Collected data
·····
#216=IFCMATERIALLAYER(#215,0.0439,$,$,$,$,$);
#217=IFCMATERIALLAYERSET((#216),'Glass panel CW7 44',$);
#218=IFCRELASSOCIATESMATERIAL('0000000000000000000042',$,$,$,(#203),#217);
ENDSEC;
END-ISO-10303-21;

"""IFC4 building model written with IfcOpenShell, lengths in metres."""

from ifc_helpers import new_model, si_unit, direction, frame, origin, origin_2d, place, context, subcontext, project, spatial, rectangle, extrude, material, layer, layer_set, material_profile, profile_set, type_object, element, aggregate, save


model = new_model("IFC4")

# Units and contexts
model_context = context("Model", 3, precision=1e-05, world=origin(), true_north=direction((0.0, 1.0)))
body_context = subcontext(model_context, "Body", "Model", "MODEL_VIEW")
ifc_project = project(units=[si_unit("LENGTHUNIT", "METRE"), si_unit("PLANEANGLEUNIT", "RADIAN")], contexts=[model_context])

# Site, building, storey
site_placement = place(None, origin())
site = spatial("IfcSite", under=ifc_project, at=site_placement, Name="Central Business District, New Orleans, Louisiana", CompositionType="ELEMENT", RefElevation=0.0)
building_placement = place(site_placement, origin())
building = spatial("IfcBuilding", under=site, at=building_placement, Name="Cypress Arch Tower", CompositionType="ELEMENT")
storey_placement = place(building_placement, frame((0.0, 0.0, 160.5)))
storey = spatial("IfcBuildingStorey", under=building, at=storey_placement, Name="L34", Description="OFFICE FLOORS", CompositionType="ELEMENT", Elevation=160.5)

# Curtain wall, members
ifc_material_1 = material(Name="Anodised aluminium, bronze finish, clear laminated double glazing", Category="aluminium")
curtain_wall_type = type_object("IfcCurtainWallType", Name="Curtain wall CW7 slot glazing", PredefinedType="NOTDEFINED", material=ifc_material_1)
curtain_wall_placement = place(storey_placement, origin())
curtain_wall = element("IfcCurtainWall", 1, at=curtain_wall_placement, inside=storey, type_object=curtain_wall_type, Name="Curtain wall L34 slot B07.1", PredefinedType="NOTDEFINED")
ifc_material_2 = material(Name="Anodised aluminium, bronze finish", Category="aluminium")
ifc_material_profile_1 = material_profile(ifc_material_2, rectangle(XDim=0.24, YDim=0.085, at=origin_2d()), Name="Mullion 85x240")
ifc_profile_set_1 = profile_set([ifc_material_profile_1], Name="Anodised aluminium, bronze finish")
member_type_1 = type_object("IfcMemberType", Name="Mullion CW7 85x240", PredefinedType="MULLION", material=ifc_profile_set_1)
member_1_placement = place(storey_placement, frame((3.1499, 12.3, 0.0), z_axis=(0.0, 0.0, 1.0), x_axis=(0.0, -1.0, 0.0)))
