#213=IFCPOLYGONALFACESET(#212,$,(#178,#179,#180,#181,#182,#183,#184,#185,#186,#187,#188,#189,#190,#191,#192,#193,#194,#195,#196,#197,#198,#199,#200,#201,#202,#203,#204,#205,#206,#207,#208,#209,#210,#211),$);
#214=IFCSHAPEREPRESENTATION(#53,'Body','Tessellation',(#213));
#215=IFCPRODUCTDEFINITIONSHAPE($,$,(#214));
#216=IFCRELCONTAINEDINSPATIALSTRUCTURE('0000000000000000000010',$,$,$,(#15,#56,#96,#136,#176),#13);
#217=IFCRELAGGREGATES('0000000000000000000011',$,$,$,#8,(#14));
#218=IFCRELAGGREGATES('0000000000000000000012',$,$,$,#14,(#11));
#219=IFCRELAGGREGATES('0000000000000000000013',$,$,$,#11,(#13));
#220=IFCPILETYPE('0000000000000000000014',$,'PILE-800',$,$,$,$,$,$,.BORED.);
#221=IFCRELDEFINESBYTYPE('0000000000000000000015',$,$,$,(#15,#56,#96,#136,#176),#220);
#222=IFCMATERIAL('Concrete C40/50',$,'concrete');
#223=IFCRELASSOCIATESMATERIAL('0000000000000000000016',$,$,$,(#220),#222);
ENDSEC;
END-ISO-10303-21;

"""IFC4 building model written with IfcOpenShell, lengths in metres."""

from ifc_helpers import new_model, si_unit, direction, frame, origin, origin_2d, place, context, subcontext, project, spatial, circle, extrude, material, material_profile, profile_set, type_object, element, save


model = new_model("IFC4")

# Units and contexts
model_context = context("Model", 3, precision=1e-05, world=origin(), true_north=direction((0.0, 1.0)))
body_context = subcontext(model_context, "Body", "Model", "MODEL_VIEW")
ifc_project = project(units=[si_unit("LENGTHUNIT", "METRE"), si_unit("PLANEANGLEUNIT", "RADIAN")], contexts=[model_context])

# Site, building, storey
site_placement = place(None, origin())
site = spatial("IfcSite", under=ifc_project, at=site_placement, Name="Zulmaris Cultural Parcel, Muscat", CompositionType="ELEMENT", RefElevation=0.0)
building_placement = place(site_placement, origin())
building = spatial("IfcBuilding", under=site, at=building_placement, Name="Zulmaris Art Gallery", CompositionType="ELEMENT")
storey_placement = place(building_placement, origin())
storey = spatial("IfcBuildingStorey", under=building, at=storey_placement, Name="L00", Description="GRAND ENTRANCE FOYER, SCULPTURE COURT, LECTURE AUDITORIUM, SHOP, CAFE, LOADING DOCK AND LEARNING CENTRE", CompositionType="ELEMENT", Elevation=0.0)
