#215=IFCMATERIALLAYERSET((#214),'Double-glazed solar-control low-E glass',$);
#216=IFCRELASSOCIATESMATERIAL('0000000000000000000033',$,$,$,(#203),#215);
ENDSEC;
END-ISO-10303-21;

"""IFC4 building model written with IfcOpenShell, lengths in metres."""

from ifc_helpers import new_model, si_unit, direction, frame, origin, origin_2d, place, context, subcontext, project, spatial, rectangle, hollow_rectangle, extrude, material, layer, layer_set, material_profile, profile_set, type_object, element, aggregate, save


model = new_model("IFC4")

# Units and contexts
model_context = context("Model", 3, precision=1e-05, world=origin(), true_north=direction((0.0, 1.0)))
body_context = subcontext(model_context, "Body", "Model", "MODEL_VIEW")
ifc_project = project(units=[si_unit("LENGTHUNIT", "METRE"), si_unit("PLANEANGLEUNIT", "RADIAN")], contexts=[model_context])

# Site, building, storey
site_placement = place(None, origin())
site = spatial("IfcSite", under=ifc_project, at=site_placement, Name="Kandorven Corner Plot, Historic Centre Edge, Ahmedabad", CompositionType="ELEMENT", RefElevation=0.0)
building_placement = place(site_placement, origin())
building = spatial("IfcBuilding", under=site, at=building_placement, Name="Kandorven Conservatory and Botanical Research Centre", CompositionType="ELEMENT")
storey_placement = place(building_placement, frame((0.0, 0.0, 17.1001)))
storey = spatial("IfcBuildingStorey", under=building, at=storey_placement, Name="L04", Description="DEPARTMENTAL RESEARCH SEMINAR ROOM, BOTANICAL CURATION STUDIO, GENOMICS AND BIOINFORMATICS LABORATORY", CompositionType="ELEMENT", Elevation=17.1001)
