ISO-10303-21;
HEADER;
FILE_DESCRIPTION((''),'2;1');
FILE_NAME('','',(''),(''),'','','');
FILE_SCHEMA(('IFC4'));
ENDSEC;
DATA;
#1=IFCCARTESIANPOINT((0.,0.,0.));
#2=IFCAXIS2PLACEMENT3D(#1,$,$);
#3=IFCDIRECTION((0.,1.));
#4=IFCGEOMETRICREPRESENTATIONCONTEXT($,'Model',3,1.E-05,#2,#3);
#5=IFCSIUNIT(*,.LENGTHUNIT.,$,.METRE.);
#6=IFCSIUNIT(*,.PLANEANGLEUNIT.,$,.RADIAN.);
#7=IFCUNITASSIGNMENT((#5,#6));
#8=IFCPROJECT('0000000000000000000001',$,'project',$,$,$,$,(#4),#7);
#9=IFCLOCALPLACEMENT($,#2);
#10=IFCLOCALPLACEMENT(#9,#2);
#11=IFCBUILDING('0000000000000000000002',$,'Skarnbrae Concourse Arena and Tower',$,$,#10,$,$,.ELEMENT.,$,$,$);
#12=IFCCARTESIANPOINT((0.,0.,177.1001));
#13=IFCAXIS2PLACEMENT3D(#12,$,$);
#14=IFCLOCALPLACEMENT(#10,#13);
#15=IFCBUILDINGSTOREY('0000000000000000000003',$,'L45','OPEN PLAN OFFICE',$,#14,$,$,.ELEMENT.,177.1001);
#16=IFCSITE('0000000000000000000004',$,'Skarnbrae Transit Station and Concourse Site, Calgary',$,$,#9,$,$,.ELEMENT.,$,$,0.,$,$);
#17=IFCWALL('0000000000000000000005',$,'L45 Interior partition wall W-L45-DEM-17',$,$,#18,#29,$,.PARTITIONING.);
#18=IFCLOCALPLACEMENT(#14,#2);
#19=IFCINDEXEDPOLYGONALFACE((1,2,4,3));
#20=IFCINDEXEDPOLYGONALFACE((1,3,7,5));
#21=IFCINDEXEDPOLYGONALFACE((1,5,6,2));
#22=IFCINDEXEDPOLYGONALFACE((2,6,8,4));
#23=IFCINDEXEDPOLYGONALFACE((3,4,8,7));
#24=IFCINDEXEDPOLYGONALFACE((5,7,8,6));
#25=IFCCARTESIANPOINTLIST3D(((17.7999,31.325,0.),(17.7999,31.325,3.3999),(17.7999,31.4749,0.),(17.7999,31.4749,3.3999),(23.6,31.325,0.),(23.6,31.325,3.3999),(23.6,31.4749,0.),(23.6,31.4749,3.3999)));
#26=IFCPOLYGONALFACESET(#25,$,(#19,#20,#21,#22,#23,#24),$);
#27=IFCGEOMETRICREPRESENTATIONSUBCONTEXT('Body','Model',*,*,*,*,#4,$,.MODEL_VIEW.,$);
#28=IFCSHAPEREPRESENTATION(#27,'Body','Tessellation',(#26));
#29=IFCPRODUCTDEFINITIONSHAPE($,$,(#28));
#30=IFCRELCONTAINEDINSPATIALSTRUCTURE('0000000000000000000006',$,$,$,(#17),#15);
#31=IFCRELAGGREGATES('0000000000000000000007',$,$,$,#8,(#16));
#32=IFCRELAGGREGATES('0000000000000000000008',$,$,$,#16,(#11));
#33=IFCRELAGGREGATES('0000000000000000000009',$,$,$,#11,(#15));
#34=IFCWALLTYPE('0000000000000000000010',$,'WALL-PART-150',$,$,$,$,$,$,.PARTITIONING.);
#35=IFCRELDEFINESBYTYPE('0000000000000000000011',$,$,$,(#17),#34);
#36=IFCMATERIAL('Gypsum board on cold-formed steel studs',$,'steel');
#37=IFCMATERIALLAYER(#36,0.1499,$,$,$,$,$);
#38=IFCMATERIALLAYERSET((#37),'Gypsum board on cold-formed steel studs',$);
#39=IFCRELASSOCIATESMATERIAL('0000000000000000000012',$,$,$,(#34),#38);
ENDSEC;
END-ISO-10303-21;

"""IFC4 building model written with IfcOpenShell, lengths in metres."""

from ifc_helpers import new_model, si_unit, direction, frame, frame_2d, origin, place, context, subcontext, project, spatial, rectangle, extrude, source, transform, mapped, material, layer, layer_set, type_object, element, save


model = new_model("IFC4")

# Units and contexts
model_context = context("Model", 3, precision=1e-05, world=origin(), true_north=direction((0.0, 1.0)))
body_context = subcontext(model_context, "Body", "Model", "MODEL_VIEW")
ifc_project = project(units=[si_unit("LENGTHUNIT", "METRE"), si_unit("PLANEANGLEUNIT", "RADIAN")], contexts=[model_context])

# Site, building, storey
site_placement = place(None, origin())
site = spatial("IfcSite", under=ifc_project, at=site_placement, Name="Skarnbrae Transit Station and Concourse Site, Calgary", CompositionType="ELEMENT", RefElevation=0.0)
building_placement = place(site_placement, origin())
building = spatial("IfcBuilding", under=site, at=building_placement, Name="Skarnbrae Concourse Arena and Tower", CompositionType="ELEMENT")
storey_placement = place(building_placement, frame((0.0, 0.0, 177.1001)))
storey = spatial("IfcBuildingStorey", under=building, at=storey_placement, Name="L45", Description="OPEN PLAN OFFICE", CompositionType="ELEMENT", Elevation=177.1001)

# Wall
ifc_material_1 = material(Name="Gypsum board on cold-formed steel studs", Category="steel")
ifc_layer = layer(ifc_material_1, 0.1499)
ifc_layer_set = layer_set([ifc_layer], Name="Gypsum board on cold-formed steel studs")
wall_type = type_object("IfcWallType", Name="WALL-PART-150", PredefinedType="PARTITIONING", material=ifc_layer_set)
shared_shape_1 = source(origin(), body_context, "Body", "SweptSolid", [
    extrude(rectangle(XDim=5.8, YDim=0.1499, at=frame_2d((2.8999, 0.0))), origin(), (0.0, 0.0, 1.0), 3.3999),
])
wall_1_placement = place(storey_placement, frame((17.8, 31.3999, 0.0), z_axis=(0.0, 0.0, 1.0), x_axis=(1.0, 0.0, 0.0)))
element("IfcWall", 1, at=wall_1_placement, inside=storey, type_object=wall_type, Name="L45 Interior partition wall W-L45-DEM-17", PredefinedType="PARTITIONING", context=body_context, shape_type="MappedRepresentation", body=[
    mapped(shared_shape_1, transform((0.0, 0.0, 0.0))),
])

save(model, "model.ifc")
·····
**What the exercise asks**
In the records above, find the line with "#14=IFCLOCALPLACEMENT(#10,#13);"; write out exactly that line and each one after it, stopping after the line with "#24=IFCINDEXEDPOLYGONALFACE((5,7,8,6));".

**Exercise result**
#14=IFCLOCALPLACEMENT(#10,#13);
#15=IFCBUILDINGSTOREY('0000000000000000000003',$,'L45','OPEN PLAN OFFICE',$,#14,$,$,.ELEMENT.,177.1001);
#16=IFCSITE('0000000000000000000004',$,'Skarnbrae Transit Station and Concourse Site, Calgary',$,$,#9,$,$,.ELEMENT.,$,$,0.,$,$);
#17=IFCWALL('0000000000000000000005',$,'L45 Interior partition wall W-L45-DEM-17',$,$,#18,#29,$,.PARTITIONING.);
#18=IFCLOCALPLACEMENT(#14,#2);
#19=IFCINDEXEDPOLYGONALFACE((1,2,4,3));
#20=IFCINDEXEDPOLYGONALFACE((1,3,7,5));
#21=IFCINDEXEDPOLYGONALFACE((1,5,6,2));
#22=IFCINDEXEDPOLYGONALFACE((2,6,8,4));
#23=IFCINDEXEDPOLYGONALFACE((3,4,8,7));
#24=IFCINDEXEDPOLYGONALFACE((5,7,8,6));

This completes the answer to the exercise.